The answer must be every line of the data that holds the word "IFCINDEXEDPOLYGONALFACEWITHVOIDS".

Records from a collection:
※ ※ ※

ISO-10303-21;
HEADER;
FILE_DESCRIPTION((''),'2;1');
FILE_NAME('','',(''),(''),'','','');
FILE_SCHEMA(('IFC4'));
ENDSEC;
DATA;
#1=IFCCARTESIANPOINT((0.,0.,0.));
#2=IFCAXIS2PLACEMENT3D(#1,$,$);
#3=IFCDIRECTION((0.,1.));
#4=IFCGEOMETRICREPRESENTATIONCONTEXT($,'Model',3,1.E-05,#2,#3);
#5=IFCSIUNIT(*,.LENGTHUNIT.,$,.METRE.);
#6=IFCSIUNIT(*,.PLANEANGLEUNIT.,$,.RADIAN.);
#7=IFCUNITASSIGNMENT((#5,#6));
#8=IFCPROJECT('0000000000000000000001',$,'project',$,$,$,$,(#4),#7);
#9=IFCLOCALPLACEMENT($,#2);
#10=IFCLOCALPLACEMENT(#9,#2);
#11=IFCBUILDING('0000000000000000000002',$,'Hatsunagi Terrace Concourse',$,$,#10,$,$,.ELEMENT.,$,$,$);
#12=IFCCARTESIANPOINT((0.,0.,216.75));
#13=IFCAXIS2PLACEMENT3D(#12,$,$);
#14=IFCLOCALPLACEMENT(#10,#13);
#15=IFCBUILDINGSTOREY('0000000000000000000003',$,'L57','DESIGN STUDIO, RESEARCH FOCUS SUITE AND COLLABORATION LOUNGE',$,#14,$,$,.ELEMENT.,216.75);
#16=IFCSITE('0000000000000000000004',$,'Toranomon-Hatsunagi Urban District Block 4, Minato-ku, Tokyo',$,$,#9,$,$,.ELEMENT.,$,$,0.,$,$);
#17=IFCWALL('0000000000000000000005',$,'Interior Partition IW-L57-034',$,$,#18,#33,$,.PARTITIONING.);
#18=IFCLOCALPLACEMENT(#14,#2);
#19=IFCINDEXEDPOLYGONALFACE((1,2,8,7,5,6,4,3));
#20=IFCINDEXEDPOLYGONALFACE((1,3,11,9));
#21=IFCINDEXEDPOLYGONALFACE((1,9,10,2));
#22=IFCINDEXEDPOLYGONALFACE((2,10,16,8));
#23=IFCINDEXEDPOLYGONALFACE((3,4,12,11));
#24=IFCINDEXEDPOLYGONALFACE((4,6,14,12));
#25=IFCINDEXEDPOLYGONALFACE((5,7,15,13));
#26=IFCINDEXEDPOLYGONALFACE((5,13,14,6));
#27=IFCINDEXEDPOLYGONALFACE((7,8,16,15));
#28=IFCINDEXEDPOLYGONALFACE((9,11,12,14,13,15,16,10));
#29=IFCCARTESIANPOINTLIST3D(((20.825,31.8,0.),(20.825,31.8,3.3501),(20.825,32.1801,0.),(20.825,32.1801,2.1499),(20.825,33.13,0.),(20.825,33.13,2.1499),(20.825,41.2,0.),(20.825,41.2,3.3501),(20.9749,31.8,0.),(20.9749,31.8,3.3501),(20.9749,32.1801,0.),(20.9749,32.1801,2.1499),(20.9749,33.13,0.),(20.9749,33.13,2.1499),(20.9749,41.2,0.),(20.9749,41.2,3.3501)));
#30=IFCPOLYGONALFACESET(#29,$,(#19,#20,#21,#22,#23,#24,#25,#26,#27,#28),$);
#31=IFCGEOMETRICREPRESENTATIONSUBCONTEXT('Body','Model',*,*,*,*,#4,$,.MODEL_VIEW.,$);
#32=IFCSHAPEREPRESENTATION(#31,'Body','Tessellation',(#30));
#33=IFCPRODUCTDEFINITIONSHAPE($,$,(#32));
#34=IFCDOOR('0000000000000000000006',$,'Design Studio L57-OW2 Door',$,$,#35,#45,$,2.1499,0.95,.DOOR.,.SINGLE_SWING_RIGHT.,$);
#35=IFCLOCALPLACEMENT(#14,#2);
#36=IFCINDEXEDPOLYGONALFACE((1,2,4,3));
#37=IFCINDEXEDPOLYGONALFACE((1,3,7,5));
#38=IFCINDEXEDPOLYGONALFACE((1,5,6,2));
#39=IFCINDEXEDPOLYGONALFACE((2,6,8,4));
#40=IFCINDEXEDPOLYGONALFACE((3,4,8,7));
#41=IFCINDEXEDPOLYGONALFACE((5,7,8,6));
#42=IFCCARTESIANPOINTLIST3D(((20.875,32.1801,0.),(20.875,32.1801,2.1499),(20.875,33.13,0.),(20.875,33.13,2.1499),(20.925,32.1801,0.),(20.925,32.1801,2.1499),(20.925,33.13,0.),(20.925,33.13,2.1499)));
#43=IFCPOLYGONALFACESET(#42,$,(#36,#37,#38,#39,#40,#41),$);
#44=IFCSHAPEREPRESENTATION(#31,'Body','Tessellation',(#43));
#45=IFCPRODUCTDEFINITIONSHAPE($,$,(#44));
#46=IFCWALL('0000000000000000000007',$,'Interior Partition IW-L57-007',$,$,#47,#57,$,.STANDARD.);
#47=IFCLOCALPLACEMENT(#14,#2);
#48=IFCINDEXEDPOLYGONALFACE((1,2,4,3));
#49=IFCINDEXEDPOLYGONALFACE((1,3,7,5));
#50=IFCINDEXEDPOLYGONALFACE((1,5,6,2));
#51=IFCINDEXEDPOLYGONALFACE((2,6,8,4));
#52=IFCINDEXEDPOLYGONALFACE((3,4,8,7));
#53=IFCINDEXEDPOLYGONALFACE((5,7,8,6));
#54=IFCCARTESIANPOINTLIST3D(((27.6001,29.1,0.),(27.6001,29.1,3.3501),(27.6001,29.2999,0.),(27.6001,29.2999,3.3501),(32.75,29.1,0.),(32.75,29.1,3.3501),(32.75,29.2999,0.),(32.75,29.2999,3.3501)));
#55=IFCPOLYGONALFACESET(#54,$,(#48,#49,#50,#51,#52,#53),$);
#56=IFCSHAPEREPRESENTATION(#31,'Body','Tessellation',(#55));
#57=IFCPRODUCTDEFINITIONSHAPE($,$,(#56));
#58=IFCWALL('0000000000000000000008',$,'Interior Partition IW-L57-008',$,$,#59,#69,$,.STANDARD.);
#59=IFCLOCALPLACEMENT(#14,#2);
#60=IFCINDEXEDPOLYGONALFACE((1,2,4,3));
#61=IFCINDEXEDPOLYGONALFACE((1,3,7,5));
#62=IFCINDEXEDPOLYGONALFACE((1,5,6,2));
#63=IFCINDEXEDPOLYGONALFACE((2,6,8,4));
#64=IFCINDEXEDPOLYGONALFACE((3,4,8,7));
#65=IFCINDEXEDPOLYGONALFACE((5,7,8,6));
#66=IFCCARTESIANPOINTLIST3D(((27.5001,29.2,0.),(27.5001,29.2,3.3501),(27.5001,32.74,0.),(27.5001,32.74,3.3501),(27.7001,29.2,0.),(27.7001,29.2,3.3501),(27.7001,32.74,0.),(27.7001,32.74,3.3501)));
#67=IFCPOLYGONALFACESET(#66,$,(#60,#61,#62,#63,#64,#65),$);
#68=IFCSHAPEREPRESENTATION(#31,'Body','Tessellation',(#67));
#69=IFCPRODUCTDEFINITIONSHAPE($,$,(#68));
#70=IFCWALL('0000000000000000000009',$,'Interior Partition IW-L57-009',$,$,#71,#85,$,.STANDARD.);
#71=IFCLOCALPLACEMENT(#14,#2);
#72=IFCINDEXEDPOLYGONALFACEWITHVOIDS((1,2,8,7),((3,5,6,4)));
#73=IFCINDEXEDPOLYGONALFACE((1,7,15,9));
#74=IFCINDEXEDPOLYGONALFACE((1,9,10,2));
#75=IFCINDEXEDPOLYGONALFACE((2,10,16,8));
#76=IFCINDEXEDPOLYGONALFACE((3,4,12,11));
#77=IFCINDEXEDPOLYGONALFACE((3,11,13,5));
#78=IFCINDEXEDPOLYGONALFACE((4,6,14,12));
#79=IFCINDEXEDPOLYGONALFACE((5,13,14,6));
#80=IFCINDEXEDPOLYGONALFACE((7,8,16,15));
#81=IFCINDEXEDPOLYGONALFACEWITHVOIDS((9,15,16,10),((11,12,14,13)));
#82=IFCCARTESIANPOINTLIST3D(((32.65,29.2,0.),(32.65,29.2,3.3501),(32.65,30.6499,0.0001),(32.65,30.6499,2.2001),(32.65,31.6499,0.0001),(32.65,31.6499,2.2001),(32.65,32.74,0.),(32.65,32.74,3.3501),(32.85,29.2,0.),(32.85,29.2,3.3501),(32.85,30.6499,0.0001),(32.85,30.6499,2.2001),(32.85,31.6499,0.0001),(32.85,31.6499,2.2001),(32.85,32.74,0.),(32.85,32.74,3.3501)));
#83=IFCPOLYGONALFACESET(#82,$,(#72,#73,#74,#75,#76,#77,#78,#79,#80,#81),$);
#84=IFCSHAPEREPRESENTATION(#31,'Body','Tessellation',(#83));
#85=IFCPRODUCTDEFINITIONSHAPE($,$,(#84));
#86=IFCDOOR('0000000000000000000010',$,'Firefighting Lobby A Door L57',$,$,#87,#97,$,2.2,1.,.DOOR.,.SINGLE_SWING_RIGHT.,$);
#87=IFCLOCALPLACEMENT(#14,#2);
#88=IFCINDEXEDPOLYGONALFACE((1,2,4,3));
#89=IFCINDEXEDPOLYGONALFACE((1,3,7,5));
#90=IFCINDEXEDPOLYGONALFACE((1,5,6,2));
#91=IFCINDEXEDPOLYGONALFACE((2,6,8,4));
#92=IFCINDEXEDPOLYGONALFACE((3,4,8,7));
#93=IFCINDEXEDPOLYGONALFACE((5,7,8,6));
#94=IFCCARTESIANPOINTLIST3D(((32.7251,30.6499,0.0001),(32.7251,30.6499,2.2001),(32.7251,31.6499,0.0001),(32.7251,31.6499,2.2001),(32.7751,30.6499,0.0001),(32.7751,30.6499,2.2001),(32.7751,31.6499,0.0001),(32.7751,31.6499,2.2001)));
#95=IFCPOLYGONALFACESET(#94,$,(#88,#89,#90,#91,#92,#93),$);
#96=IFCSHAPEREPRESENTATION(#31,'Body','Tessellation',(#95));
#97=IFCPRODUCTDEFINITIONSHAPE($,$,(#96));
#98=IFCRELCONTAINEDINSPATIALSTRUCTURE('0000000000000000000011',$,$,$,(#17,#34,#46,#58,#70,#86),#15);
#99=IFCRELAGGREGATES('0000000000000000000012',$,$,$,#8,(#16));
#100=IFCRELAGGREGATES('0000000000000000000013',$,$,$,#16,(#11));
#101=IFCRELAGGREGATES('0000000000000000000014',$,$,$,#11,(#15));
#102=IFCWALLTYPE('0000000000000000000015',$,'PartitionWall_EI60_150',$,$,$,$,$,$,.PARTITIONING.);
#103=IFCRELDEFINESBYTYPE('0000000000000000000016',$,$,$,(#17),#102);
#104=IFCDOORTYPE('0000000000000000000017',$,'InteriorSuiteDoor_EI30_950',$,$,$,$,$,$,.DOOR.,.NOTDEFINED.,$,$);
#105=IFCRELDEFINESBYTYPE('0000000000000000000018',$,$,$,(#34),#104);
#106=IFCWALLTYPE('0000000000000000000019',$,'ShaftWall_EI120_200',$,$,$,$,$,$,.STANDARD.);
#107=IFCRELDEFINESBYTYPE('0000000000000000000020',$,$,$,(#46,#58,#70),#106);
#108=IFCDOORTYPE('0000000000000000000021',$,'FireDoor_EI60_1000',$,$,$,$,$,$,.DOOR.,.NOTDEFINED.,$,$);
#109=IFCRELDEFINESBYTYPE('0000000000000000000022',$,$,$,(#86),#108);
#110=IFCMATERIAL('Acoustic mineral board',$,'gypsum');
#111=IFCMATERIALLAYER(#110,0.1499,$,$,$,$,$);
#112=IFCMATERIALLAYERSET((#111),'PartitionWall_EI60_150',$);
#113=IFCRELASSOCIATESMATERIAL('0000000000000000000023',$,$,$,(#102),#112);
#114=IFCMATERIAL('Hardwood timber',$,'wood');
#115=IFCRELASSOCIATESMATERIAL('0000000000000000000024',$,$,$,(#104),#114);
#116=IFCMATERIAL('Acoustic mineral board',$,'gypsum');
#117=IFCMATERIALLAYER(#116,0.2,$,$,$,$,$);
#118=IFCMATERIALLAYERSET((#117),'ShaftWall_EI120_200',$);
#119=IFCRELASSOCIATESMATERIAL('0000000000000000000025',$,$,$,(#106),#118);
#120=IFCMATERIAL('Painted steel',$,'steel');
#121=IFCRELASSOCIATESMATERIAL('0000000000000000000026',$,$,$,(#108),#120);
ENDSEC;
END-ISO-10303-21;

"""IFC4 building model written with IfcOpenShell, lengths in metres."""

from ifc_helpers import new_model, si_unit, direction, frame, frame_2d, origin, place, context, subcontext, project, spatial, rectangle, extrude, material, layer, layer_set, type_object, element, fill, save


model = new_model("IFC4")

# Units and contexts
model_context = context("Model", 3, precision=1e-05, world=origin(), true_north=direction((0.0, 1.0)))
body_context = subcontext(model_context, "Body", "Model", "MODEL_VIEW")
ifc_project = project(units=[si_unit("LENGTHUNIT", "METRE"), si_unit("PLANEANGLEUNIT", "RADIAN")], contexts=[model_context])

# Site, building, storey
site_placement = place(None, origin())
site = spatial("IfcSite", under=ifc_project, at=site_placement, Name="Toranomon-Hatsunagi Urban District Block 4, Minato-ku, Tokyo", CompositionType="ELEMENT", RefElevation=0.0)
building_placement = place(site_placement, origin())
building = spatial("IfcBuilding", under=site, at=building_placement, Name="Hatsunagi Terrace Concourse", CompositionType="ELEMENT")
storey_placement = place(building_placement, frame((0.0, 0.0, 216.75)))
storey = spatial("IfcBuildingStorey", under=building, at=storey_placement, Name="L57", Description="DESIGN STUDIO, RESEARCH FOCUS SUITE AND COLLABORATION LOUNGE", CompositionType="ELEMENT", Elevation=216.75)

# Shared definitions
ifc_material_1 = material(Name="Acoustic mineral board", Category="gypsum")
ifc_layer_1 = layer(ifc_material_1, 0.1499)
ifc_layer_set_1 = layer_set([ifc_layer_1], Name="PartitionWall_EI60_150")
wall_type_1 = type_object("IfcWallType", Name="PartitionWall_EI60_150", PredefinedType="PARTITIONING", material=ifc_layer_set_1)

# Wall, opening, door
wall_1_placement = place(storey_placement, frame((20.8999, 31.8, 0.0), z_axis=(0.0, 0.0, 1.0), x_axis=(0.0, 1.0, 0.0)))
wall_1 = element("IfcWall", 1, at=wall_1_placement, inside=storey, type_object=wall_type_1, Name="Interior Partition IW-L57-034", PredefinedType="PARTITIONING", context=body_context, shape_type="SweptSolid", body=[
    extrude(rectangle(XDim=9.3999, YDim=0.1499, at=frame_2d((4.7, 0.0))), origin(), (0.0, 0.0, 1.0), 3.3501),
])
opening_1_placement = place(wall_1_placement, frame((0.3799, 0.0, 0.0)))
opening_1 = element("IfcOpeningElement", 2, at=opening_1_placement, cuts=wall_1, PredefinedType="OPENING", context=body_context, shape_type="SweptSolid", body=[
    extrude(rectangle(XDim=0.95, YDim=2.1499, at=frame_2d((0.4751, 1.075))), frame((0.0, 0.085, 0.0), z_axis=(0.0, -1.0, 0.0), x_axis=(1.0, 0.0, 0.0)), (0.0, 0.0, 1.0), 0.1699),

※ ※ ※

■ Exercise output ■
#72=IFCINDEXEDPOLYGONALFACEWITHVOIDS((1,2,8,7),((3,5,6,4)));
#81=IFCINDEXEDPOLYGONALFACEWITHVOIDS((9,15,16,10),((11,12,14,13)));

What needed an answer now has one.